→ **What to do**
In the entries that follow, find the line containing "#86=IFCINDEXEDPOLYGONALFACE((29,33,34,30));"; from there, copy every line exactly through the line containing "#91=IFCINDEXEDPOLYGONALFACE((39,40,42,41));".

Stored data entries
□ □ □ □ □ □ □

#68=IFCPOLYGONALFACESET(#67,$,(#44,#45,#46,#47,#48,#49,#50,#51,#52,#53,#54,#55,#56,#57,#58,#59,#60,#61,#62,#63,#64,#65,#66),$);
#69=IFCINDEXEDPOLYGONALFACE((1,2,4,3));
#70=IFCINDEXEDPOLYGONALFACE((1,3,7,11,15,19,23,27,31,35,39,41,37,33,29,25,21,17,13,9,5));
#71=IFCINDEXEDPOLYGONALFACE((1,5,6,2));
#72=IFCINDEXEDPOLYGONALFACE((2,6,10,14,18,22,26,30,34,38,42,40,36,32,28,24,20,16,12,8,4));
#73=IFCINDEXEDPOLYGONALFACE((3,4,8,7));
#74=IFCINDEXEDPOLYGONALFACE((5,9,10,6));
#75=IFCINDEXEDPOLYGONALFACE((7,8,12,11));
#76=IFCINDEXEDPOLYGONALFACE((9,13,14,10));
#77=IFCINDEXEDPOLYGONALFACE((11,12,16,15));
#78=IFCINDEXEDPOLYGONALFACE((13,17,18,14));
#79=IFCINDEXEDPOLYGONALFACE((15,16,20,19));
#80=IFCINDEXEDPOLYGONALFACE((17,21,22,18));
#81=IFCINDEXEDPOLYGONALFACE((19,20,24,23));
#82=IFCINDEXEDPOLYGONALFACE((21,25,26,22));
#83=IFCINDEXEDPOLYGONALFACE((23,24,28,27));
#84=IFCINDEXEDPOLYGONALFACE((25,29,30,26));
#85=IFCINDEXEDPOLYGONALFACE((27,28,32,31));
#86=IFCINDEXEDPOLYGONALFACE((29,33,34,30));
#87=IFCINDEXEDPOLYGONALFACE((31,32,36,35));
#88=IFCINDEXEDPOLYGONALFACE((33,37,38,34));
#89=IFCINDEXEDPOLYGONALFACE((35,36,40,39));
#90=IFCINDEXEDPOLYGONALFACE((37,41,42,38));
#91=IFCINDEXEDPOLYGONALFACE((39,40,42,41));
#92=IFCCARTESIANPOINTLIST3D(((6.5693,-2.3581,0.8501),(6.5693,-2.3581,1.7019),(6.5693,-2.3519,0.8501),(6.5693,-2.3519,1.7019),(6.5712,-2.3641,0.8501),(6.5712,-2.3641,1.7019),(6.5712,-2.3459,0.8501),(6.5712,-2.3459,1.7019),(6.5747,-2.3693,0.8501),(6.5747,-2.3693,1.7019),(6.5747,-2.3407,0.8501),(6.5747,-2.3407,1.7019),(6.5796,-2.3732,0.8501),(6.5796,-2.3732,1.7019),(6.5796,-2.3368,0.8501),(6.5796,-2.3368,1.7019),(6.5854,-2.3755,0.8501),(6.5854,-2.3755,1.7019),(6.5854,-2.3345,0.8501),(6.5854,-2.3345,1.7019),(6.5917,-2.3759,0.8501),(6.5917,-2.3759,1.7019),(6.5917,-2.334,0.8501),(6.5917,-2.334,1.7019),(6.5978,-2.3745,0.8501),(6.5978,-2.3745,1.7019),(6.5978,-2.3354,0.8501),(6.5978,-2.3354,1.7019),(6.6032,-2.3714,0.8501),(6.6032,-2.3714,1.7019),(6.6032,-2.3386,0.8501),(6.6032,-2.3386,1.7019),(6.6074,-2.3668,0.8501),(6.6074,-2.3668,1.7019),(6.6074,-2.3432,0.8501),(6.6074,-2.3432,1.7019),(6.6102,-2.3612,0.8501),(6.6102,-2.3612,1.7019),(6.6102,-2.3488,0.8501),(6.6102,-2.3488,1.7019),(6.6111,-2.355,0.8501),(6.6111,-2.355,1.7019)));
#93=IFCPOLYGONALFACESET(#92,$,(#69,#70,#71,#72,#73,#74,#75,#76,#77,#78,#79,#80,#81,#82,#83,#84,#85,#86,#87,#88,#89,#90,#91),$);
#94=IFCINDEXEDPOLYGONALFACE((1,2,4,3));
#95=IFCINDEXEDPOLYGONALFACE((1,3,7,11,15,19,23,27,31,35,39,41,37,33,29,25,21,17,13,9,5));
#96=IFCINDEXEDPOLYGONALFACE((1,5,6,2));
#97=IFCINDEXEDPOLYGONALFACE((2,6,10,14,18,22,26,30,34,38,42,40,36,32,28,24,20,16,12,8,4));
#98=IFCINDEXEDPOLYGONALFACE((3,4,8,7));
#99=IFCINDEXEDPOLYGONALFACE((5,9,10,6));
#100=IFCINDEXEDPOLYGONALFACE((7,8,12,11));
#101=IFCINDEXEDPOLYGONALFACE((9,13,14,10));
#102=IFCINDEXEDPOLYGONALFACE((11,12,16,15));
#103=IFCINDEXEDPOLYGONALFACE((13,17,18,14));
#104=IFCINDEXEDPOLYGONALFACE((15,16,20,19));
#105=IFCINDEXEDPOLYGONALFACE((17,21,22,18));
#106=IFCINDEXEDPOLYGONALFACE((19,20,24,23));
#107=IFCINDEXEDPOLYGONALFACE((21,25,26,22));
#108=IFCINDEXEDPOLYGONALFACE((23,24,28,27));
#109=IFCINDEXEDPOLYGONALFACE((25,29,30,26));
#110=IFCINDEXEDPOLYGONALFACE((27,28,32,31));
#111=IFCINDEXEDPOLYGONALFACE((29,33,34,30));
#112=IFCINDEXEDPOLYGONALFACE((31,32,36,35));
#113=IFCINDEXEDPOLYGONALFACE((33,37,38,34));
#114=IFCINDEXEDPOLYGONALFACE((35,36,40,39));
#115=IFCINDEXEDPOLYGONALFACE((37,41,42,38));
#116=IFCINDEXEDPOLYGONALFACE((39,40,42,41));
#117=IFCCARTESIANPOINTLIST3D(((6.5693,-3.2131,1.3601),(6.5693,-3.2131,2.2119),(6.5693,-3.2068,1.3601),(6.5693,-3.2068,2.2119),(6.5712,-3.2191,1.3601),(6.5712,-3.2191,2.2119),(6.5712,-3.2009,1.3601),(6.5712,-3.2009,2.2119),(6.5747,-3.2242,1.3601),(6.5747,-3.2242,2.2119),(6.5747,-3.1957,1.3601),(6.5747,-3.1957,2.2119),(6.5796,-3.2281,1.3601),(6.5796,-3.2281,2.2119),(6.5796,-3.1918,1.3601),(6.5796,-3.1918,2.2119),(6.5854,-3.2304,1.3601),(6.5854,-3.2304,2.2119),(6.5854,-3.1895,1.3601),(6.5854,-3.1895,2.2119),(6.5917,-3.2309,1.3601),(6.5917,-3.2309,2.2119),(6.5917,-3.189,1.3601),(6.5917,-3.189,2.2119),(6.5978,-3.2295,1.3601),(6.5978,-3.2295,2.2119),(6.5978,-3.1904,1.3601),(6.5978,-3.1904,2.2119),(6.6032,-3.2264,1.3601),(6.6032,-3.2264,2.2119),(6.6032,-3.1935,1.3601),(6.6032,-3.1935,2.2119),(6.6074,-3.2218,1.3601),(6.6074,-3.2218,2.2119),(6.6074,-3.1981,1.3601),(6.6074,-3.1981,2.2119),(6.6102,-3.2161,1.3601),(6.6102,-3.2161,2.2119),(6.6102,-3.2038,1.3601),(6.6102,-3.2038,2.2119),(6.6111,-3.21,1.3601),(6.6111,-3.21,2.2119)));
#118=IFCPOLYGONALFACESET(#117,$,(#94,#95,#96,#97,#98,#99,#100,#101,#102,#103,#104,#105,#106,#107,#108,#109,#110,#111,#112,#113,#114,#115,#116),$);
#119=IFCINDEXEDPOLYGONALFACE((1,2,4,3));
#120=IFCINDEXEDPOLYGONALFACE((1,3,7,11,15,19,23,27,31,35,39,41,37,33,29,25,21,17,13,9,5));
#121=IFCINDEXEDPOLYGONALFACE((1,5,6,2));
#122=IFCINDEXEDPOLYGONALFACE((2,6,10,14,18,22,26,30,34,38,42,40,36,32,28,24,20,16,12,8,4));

□ □ □ □ □ □ □

→ **Written response**
#86=IFCINDEXEDPOLYGONALFACE((29,33,34,30));
#87=IFCINDEXEDPOLYGONALFACE((31,32,36,35));
#88=IFCINDEXEDPOLYGONALFACE((33,37,38,34));
#89=IFCINDEXEDPOLYGONALFACE((35,36,40,39));
#90=IFCINDEXEDPOLYGONALFACE((37,41,42,38));
#91=IFCINDEXEDPOLYGONALFACE((39,40,42,41));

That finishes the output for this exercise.